Exercise objective: Taking the line with "#74=IFCINDEXEDPOLYGONALFACE((13,17,19,15));" as the first and the line with "#85=IFCINDEXEDPOLYGONALFACE((37,39,40,38));" as the last, set down exactly every line in that range from the entries below, and no more.

Data provided:
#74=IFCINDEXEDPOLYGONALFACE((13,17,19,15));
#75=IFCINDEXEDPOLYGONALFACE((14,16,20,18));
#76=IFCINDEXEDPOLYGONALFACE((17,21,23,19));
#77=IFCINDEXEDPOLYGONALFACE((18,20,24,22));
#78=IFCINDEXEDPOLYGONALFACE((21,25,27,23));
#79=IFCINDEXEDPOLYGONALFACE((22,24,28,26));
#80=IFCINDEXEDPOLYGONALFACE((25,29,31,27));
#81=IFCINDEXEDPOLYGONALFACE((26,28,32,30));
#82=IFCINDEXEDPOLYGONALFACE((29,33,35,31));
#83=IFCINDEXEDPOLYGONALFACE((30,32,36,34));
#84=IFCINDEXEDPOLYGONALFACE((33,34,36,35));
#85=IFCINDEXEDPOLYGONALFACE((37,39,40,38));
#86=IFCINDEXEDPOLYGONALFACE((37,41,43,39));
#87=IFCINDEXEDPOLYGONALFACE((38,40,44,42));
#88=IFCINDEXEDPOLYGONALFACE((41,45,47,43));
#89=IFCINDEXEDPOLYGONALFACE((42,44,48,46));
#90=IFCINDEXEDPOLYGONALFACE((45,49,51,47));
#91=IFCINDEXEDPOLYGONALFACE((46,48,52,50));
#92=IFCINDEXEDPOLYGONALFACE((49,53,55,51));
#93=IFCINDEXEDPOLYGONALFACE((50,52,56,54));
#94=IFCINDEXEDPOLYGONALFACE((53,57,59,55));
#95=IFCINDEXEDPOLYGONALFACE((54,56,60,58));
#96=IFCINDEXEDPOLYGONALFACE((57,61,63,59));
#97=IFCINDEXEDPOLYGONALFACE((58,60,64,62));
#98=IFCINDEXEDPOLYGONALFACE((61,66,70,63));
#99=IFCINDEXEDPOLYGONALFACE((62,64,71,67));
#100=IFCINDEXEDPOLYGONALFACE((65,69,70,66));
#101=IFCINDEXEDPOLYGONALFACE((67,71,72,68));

...

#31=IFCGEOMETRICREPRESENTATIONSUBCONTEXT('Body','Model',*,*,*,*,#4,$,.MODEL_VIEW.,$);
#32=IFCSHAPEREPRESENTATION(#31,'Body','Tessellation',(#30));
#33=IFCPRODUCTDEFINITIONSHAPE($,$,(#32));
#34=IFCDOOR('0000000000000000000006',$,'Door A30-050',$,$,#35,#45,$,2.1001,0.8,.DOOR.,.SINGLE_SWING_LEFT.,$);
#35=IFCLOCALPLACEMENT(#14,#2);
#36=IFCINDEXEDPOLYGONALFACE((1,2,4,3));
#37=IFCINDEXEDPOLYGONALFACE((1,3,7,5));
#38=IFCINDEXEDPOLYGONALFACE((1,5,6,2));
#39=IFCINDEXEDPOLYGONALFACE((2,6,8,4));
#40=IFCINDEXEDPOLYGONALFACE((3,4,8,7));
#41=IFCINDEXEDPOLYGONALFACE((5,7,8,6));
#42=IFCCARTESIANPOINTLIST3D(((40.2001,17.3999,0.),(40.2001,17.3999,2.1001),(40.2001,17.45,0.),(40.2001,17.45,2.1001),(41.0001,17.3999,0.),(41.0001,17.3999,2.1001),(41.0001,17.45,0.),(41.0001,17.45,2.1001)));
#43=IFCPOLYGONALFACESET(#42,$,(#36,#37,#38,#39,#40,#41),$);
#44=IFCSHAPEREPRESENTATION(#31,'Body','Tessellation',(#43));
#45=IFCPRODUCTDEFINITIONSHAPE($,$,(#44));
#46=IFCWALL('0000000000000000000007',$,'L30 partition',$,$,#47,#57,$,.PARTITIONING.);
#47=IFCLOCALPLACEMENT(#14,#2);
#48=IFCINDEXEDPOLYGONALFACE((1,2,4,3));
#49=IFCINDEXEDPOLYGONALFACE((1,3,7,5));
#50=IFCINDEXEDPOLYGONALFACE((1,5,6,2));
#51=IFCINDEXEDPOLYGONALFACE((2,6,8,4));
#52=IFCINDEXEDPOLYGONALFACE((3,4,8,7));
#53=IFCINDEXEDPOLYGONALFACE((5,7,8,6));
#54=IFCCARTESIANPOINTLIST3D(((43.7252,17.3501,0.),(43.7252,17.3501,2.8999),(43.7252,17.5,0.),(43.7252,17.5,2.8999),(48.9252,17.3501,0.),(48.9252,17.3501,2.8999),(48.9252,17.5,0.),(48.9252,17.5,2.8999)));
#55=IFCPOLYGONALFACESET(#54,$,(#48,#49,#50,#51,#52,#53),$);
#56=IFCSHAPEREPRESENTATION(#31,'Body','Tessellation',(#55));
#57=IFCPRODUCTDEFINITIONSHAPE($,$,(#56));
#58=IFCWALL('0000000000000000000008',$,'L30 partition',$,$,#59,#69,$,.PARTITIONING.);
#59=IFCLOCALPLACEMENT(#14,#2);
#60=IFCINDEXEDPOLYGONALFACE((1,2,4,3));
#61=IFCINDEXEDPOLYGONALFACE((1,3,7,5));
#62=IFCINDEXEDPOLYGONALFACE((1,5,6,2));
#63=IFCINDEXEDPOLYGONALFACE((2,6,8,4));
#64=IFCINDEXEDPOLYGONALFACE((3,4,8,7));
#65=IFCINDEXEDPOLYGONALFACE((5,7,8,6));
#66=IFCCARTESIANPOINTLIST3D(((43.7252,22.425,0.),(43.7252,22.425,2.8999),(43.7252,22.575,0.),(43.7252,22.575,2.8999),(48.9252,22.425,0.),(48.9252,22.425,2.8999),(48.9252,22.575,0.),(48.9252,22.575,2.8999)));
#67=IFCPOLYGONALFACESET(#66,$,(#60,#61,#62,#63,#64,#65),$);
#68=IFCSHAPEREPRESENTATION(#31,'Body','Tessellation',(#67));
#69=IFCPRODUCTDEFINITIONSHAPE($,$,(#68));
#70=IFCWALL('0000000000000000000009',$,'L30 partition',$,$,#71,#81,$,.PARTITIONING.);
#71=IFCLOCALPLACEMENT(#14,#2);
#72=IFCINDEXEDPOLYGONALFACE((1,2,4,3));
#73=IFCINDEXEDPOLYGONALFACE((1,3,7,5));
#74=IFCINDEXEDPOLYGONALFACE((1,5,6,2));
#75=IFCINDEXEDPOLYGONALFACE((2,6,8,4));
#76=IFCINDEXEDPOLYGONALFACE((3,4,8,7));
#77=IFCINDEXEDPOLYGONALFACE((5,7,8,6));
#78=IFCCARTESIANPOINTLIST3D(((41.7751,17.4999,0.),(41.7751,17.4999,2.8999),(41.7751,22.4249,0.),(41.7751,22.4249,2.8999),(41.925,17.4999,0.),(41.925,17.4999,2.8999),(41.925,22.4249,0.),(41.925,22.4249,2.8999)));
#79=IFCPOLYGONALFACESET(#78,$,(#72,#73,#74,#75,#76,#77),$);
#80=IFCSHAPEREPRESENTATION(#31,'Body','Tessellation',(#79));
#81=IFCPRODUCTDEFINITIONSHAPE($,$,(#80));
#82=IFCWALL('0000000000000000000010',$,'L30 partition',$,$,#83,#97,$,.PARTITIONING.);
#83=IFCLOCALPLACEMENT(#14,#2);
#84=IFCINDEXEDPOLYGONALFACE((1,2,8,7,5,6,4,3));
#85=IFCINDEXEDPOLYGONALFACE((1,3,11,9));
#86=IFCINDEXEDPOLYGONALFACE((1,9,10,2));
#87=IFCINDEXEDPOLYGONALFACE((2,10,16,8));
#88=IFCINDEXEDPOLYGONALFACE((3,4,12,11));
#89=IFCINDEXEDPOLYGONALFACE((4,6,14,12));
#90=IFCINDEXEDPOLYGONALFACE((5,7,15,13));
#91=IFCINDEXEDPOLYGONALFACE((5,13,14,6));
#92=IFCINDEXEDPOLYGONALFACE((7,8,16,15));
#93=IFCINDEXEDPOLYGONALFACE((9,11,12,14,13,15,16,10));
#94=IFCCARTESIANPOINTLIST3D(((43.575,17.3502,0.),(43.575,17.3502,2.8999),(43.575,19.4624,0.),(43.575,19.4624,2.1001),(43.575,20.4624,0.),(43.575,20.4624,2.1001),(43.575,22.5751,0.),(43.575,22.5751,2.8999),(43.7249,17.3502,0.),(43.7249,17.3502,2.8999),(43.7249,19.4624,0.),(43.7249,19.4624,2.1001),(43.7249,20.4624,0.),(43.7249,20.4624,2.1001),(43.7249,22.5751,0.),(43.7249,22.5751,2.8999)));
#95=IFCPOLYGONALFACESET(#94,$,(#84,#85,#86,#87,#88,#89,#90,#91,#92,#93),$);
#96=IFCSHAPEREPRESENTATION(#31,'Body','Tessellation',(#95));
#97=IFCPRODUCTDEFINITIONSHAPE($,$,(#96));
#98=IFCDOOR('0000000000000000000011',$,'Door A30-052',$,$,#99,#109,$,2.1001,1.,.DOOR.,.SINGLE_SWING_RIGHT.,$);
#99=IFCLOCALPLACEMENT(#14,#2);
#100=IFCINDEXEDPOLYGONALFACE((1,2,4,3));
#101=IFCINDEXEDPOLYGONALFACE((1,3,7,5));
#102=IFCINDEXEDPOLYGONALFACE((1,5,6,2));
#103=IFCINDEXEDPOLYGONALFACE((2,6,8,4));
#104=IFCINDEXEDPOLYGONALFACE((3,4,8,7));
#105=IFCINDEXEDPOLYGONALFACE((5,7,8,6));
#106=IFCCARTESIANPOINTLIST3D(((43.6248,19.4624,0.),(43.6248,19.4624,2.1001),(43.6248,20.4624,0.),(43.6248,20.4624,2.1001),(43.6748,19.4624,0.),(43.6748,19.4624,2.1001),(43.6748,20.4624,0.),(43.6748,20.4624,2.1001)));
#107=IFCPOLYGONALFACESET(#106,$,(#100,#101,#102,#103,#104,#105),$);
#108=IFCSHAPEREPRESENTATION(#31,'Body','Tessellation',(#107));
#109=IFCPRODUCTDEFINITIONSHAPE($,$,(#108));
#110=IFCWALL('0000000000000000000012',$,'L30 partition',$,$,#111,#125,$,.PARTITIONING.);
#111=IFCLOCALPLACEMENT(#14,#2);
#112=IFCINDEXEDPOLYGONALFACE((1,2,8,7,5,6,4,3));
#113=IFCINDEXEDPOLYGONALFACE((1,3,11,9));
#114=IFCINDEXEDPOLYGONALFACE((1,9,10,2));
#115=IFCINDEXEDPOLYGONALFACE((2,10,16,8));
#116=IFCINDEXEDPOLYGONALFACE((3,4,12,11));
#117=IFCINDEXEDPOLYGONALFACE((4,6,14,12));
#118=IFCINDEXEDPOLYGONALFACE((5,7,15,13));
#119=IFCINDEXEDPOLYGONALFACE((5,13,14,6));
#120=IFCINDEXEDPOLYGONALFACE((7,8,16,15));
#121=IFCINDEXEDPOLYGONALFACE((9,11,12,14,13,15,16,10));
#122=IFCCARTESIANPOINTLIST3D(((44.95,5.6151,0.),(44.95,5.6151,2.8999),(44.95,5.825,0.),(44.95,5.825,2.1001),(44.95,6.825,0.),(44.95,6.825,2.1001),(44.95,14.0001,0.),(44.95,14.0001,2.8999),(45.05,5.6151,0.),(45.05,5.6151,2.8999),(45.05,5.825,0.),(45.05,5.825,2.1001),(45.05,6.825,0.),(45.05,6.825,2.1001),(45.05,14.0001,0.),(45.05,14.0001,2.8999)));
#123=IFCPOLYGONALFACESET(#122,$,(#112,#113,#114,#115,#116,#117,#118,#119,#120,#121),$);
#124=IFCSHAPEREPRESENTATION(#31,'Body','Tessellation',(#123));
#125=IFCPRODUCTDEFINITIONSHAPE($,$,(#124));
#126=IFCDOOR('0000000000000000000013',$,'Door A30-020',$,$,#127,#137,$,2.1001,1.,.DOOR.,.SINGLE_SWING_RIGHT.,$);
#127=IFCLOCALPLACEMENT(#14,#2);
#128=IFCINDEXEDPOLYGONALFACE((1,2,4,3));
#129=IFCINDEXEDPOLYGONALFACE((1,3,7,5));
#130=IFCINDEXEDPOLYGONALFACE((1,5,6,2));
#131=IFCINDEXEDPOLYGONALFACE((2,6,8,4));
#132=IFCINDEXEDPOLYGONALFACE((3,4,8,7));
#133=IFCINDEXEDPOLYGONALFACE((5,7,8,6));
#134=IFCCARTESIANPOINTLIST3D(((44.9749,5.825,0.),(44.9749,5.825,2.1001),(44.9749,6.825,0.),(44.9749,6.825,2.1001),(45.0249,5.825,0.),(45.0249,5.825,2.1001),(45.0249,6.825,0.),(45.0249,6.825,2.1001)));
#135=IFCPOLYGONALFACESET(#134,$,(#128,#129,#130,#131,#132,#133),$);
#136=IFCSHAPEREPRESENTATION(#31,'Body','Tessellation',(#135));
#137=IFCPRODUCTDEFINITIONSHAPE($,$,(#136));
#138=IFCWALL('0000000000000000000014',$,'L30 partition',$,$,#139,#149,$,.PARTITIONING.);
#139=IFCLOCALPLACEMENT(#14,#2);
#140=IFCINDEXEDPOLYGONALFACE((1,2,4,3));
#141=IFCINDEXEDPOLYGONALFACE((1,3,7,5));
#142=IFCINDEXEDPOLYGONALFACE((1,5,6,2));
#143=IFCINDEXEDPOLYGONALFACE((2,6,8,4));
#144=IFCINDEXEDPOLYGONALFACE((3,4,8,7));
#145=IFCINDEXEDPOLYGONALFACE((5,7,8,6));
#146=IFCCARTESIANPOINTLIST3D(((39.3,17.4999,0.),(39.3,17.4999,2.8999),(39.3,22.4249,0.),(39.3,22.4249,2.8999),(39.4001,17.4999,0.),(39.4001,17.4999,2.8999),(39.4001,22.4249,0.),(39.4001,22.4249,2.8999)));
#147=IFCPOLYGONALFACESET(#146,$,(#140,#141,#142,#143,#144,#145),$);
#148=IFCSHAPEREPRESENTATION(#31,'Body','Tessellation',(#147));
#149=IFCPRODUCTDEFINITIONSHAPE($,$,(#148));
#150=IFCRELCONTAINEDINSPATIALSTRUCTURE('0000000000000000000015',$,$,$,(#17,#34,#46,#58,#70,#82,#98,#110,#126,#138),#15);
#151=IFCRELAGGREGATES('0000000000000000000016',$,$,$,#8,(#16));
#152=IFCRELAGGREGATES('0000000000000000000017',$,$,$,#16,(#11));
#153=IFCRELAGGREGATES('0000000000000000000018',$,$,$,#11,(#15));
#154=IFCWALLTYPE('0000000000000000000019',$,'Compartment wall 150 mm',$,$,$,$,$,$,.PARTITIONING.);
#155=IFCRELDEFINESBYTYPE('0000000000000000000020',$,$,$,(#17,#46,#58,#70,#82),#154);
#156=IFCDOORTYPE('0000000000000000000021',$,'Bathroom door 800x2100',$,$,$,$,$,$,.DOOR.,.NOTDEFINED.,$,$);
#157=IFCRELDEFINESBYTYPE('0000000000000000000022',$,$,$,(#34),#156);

Reply:
#74=IFCINDEXEDPOLYGONALFACE((13,17,19,15));
#75=IFCINDEXEDPOLYGONALFACE((14,16,20,18));
#76=IFCINDEXEDPOLYGONALFACE((17,21,23,19));
#77=IFCINDEXEDPOLYGONALFACE((18,20,24,22));
#78=IFCINDEXEDPOLYGONALFACE((21,25,27,23));
#79=IFCINDEXEDPOLYGONALFACE((22,24,28,26));
#80=IFCINDEXEDPOLYGONALFACE((25,29,31,27));
#81=IFCINDEXEDPOLYGONALFACE((26,28,32,30));
#82=IFCINDEXEDPOLYGONALFACE((29,33,35,31));
#83=IFCINDEXEDPOLYGONALFACE((30,32,36,34));
#84=IFCINDEXEDPOLYGONALFACE((33,34,36,35));
#85=IFCINDEXEDPOLYGONALFACE((37,39,40,38));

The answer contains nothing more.